▸ **WHAT YOU WILL DO**: Exactly as they appear below, repeat the lines from the one with "#171=IFCINDEXEDPOLYGONALFACE((1,5,6,2));" through the one with "#182=IFCINDEXEDPOLYGONALFACE((5,7,8,6));", and no others.

▸ **Stored items**:
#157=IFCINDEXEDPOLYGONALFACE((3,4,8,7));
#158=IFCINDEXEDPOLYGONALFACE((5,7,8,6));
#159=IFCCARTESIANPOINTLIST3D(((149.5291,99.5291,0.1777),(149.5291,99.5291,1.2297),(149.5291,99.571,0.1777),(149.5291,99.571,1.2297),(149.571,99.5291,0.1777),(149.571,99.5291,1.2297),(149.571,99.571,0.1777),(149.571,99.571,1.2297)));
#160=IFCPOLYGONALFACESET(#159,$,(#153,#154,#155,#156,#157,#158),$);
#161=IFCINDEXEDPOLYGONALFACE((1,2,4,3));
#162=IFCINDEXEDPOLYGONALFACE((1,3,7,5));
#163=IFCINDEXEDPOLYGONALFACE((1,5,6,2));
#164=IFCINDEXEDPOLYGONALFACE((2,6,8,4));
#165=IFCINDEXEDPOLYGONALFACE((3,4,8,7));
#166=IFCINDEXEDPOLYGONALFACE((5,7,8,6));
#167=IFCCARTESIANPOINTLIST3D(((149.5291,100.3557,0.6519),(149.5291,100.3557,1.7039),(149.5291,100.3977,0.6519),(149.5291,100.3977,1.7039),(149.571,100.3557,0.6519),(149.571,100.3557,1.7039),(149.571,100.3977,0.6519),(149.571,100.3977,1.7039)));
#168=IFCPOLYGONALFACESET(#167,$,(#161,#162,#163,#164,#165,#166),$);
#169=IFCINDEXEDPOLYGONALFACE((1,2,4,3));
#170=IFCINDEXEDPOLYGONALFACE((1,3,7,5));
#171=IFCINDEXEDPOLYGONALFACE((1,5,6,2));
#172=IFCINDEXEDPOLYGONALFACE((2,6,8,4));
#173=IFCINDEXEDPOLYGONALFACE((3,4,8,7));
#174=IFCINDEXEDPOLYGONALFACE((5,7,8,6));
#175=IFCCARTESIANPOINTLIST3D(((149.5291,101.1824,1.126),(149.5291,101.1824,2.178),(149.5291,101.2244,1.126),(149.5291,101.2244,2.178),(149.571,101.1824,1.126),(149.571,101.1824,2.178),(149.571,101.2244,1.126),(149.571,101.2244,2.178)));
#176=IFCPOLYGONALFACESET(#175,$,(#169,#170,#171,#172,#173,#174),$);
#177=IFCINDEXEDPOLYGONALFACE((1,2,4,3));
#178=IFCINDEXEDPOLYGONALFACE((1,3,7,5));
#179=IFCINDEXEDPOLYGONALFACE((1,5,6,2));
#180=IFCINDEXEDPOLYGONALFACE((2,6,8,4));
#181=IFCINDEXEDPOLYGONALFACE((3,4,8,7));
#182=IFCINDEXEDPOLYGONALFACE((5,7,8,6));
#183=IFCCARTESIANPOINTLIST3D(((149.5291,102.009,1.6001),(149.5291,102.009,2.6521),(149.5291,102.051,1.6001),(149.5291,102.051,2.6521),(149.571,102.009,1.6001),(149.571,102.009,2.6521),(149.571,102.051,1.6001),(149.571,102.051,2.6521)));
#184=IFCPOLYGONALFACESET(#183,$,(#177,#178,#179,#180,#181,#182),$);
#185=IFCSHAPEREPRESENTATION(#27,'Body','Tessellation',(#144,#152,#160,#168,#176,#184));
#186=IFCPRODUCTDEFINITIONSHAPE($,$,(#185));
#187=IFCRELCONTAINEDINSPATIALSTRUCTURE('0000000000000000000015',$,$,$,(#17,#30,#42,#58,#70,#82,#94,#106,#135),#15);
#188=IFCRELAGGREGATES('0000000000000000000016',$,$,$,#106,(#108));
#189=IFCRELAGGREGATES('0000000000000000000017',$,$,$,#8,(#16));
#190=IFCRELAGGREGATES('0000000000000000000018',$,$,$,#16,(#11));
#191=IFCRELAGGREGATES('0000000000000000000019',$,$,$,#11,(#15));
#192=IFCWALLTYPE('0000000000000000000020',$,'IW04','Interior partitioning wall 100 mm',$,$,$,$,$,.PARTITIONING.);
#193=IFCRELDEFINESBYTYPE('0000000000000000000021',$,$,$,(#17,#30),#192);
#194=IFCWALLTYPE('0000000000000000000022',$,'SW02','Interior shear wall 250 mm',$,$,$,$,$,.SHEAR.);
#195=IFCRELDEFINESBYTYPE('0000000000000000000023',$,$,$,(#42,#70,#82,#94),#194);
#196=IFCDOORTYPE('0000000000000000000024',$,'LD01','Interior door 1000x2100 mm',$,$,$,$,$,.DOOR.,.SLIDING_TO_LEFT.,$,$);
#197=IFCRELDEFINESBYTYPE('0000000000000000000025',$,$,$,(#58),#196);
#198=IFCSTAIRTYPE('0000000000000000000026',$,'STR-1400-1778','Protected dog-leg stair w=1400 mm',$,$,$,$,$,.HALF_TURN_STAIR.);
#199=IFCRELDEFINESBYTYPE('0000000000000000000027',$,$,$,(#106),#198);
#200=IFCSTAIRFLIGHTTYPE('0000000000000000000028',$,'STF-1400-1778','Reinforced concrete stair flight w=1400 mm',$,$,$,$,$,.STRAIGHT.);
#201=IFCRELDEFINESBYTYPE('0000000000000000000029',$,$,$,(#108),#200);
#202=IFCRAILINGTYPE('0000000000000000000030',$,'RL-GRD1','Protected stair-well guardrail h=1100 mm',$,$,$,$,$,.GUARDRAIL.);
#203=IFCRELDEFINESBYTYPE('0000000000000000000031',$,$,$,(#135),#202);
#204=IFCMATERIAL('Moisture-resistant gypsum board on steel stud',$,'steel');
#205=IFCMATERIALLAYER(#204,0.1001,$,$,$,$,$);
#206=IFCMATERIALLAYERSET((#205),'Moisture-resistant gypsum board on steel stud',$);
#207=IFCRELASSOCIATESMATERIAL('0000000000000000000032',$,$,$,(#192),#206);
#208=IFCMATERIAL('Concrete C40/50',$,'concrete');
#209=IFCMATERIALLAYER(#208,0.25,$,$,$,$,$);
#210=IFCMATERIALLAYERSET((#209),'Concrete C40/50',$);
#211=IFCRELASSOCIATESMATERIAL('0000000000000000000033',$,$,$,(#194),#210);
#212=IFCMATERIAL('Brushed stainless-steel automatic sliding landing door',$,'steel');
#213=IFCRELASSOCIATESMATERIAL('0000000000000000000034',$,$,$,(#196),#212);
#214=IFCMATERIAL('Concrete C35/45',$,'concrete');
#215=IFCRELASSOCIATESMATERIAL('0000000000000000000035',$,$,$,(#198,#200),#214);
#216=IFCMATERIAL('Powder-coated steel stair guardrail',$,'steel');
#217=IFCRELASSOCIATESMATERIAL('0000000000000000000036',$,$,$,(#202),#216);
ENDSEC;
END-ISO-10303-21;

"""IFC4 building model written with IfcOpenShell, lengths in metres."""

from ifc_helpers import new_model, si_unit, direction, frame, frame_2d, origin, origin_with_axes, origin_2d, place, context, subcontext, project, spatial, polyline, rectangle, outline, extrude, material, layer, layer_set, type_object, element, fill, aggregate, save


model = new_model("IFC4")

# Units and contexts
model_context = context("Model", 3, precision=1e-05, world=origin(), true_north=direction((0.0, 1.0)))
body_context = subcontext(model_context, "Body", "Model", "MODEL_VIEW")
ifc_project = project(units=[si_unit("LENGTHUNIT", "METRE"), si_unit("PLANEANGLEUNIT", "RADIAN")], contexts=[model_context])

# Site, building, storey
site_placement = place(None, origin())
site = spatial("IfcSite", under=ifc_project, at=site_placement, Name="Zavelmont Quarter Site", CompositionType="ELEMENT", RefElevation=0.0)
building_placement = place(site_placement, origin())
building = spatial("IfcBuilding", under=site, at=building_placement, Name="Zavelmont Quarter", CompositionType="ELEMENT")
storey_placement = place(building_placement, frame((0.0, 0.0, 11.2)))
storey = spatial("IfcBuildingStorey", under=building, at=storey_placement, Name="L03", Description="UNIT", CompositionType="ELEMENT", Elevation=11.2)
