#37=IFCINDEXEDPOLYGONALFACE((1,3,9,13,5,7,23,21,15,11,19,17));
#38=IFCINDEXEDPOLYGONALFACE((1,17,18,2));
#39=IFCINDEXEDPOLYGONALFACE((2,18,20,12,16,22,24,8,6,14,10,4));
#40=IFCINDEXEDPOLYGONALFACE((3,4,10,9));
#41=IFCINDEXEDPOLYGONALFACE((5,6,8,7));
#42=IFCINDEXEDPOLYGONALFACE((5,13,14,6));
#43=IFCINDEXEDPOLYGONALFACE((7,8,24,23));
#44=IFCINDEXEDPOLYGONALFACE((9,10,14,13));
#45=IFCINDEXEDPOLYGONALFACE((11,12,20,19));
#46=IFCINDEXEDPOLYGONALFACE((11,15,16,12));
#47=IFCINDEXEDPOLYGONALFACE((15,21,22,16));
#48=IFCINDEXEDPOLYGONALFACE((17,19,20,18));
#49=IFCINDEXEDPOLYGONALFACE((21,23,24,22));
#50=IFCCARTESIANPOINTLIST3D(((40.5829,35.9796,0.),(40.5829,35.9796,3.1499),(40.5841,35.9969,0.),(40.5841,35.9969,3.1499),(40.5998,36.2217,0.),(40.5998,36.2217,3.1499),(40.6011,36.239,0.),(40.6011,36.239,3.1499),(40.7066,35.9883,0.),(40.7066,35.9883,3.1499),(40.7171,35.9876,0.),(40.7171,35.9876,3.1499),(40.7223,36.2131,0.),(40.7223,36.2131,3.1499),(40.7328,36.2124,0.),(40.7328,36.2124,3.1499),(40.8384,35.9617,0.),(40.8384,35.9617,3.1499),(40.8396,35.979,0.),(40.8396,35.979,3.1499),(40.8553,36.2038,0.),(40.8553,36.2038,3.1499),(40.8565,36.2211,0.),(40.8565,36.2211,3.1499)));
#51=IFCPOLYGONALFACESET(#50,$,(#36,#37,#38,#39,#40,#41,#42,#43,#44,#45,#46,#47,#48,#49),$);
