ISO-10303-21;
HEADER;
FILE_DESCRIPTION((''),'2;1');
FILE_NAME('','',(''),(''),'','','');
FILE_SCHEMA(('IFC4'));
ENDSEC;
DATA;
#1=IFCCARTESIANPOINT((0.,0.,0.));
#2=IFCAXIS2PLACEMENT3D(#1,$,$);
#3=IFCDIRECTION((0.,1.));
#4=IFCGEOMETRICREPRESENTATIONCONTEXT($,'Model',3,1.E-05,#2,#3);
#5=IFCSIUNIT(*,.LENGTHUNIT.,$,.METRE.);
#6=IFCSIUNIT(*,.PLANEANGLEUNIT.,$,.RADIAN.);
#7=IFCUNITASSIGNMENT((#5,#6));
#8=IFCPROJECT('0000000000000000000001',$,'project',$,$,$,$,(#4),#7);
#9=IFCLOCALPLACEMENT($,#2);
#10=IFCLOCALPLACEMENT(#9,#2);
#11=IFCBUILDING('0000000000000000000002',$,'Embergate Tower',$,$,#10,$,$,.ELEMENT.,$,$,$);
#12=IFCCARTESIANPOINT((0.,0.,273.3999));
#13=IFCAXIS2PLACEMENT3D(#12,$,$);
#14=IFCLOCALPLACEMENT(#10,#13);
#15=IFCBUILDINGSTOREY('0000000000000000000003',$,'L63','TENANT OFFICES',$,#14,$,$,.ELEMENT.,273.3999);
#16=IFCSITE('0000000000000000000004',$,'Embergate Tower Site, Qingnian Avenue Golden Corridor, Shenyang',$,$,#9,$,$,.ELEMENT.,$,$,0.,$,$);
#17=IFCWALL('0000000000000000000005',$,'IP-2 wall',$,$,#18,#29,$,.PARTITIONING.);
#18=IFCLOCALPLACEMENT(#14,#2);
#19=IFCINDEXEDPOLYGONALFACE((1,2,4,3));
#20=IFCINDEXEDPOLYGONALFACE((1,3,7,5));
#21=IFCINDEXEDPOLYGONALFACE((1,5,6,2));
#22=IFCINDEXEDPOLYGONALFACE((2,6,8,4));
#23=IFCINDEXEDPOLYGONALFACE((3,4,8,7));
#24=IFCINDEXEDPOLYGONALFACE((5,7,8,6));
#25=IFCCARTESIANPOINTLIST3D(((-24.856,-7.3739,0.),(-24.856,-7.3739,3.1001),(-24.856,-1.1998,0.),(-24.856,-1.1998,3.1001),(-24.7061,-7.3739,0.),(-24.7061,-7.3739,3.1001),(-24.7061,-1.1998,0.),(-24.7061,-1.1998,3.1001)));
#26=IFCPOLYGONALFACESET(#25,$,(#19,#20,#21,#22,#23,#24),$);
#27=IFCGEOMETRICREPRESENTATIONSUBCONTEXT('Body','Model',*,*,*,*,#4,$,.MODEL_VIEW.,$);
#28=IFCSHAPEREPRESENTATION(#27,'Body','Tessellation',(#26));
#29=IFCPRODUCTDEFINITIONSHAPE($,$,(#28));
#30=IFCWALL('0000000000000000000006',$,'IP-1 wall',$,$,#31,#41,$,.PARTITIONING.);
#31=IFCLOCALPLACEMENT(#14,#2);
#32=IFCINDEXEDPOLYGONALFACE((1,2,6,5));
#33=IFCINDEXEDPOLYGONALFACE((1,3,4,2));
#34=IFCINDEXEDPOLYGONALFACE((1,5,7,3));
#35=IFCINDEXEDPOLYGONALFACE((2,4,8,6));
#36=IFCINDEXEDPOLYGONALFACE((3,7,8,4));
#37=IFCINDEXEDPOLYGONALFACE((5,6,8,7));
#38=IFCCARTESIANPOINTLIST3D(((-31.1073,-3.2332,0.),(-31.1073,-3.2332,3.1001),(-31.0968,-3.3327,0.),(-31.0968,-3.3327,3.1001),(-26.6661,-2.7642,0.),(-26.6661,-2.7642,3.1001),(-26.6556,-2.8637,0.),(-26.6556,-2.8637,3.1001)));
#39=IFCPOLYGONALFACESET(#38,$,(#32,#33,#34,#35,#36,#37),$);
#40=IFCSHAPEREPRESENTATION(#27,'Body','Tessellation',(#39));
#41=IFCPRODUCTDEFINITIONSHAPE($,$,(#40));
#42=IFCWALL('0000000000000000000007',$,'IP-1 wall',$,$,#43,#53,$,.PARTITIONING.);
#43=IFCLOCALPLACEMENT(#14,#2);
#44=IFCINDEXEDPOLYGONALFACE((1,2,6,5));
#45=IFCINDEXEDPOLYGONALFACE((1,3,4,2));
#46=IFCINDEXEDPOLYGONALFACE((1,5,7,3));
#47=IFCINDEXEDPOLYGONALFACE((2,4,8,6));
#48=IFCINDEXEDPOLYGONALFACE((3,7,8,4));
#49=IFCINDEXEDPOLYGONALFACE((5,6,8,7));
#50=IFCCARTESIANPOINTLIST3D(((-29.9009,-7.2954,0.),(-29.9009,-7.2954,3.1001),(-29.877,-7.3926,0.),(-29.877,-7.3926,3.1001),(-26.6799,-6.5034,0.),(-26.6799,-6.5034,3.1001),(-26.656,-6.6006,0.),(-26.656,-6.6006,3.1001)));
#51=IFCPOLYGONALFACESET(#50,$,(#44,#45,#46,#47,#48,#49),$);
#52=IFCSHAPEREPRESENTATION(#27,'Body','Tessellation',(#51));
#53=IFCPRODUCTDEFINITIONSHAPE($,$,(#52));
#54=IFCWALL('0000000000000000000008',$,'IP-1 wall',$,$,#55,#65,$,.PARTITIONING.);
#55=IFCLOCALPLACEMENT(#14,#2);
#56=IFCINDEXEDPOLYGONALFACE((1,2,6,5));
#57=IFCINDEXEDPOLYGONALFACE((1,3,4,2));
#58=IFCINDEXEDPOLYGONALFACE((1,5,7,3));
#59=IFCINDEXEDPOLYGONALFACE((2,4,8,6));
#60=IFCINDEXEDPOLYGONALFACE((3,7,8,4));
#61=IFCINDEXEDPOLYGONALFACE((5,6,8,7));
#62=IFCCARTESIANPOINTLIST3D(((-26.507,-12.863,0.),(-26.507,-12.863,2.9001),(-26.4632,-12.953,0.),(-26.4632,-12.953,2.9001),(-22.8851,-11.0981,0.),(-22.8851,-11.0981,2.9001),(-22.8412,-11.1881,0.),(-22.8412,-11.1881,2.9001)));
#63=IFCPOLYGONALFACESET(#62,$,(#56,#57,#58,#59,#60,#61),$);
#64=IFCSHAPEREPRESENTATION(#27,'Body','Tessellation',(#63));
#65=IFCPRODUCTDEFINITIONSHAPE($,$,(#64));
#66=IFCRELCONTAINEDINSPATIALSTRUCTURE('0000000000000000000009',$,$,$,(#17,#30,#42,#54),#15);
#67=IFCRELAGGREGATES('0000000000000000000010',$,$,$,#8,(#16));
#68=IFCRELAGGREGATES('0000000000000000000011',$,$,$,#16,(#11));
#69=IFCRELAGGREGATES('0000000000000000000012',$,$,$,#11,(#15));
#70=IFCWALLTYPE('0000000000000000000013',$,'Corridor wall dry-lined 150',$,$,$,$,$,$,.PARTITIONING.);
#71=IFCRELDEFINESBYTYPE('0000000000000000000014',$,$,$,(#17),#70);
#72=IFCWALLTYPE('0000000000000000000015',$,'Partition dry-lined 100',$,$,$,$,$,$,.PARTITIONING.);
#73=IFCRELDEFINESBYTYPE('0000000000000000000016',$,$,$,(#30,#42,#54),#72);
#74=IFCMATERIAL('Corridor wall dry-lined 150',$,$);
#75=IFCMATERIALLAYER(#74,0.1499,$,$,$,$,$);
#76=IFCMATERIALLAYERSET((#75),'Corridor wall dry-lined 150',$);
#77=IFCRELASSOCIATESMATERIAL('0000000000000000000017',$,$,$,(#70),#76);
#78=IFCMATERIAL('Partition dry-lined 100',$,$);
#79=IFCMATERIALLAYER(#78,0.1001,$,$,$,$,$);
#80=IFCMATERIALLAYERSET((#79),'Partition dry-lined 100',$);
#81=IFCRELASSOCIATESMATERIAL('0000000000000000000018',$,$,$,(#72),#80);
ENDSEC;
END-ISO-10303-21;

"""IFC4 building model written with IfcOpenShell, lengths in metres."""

from ifc_helpers import new_model, si_unit, direction, frame, frame_2d, origin, place, context, subcontext, project, spatial, rectangle, extrude, source, transform, mapped, material, layer, layer_set, type_object, element, save


model = new_model("IFC4")

# Units and contexts
model_context = context("Model", 3, precision=1e-05, world=origin(), true_north=direction((0.0, 1.0)))
body_context = subcontext(model_context, "Body", "Model", "MODEL_VIEW")
ifc_project = project(units=[si_unit("LENGTHUNIT", "METRE"), si_unit("PLANEANGLEUNIT", "RADIAN")], contexts=[model_context])

# Site, building, storey
site_placement = place(None, origin())
site = spatial("IfcSite", under=ifc_project, at=site_placement, Name="Embergate Tower Site, Qingnian Avenue Golden Corridor, Shenyang", CompositionType="ELEMENT", RefElevation=0.0)
building_placement = place(site_placement, origin())
building = spatial("IfcBuilding", under=site, at=building_placement, Name="Embergate Tower", CompositionType="ELEMENT")
storey_placement = place(building_placement, frame((0.0, 0.0, 273.3999)))
storey = spatial("IfcBuildingStorey", under=building, at=storey_placement, Name="L63", Description="TENANT OFFICES", CompositionType="ELEMENT", Elevation=273.3999)

# Shared definitions
ifc_material_1 = material(Name="Corridor wall dry-lined 150")
ifc_layer_1 = layer(ifc_material_1, 0.1499)
ifc_layer_set_1 = layer_set([ifc_layer_1], Name="Corridor wall dry-lined 150")
wall_type_1 = type_object("IfcWallType", Name="Corridor wall dry-lined 150", PredefinedType="PARTITIONING", material=ifc_layer_set_1)

# Walls
shared_shape_1 = source(origin(), body_context, "Body", "SweptSolid", [
    extrude(rectangle(XDim=6.1741, YDim=0.1499, at=frame_2d((3.0869, 0.0))), origin(), (0.0, 0.0, 1.0), 3.1001),
])
wall_1_placement = place(storey_placement, frame((-24.781, -1.2, 0.0), z_axis=(0.0, 0.0, 1.0), x_axis=(0.0, -1.0, 0.0)))
element("IfcWall", 1, at=wall_1_placement, inside=storey, type_object=wall_type_1, Name="IP-2 wall", PredefinedType="PARTITIONING", context=body_context, shape_type="MappedRepresentation", body=[
    mapped(shared_shape_1, transform((0.0, 0.0, 0.0))),
])
ifc_material_2 = material(Name="Partition dry-lined 100")
ifc_layer_2 = layer(ifc_material_2, 0.1001)
ifc_layer_set_2 = layer_set([ifc_layer_2], Name="Partition dry-lined 100")
wall_type_2 = type_object("IfcWallType", Name="Partition dry-lined 100", PredefinedType="PARTITIONING", material=ifc_layer_set_2)
shared_shape_2 = source(origin(), body_context, "Body", "SweptSolid", [
    extrude(rectangle(XDim=4.4658, YDim=0.1001, at=frame_2d((2.2329, 0.0))), origin(), (0.0, 0.0, 1.0), 3.1001),
])
wall_2_placement = place(storey_placement, frame((-26.6609, -2.814, 0.0), z_axis=(0.0, 0.0, 1.0), x_axis=(-0.99447, -0.105018, 0.0)))
element("IfcWall", 2, at=wall_2_placement, inside=storey, type_object=wall_type_2, Name="IP-1 wall", PredefinedType="PARTITIONING", context=body_context, shape_type="MappedRepresentation", body=[
    mapped(shared_shape_2, transform((0.0, 0.0, 0.0))),
])
shared_shape_3 = source(origin(), body_context, "Body", "SweptSolid", [
    extrude(rectangle(XDim=3.3169, YDim=0.1001, at=frame_2d((1.6584, 0.0))), origin(), (0.0, 0.0, 1.0), 3.1001),
])
wall_3_placement = place(storey_placement, frame((-26.668, -6.552, 0.0), z_axis=(0.0, 0.0, 1.0), x_axis=(-0.971075, -0.238776, 0.0)))
element("IfcWall", 3, at=wall_3_placement, inside=storey, type_object=wall_type_2, Name="IP-1 wall", PredefinedType="PARTITIONING", context=body_context, shape_type="MappedRepresentation", body=[
    mapped(shared_shape_3, transform((0.0, 0.0, 0.0))),
])
shared_shape_4 = source(origin(), body_context, "Body", "SweptSolid", [
    extrude(rectangle(XDim=4.0291, YDim=0.1001, at=frame_2d((2.0146, 0.0))), origin(), (0.0, 0.0, 1.0), 2.9001),
])
wall_4_placement = place(storey_placement, frame((-22.863, -11.1431, 0.0), z_axis=(0.0, 0.0, 1.0), x_axis=(-0.898961, -0.438028, 0.0)))
element("IfcWall", 4, at=wall_4_placement, inside=storey, type_object=wall_type_2, Name="IP-1 wall", PredefinedType="PARTITIONING", context=body_context, shape_type="MappedRepresentation", body=[
    mapped(shared_shape_4, transform((0.0, 0.0, 0.0))),
])

save(model, "model.ifc")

▸ **SOLUTION BELOW**:
#171=IFCINDEXEDPOLYGONALFACE((1,5,6,2));
#172=IFCINDEXEDPOLYGONALFACE((2,6,8,4));
#173=IFCINDEXEDPOLYGONALFACE((3,4,8,7));
#174=IFCINDEXEDPOLYGONALFACE((5,7,8,6));
#175=IFCCARTESIANPOINTLIST3D(((149.5291,101.1824,1.126),(149.5291,101.1824,2.178),(149.5291,101.2244,1.126),(149.5291,101.2244,2.178),(149.571,101.1824,1.126),(149.571,101.1824,2.178),(149.571,101.2244,1.126),(149.571,101.2244,2.178)));
#176=IFCPOLYGONALFACESET(#175,$,(#169,#170,#171,#172,#173,#174),$);
#177=IFCINDEXEDPOLYGONALFACE((1,2,4,3));
#178=IFCINDEXEDPOLYGONALFACE((1,3,7,5));
#179=IFCINDEXEDPOLYGONALFACE((1,5,6,2));
#180=IFCINDEXEDPOLYGONALFACE((2,6,8,4));
#181=IFCINDEXEDPOLYGONALFACE((3,4,8,7));
#182=IFCINDEXEDPOLYGONALFACE((5,7,8,6));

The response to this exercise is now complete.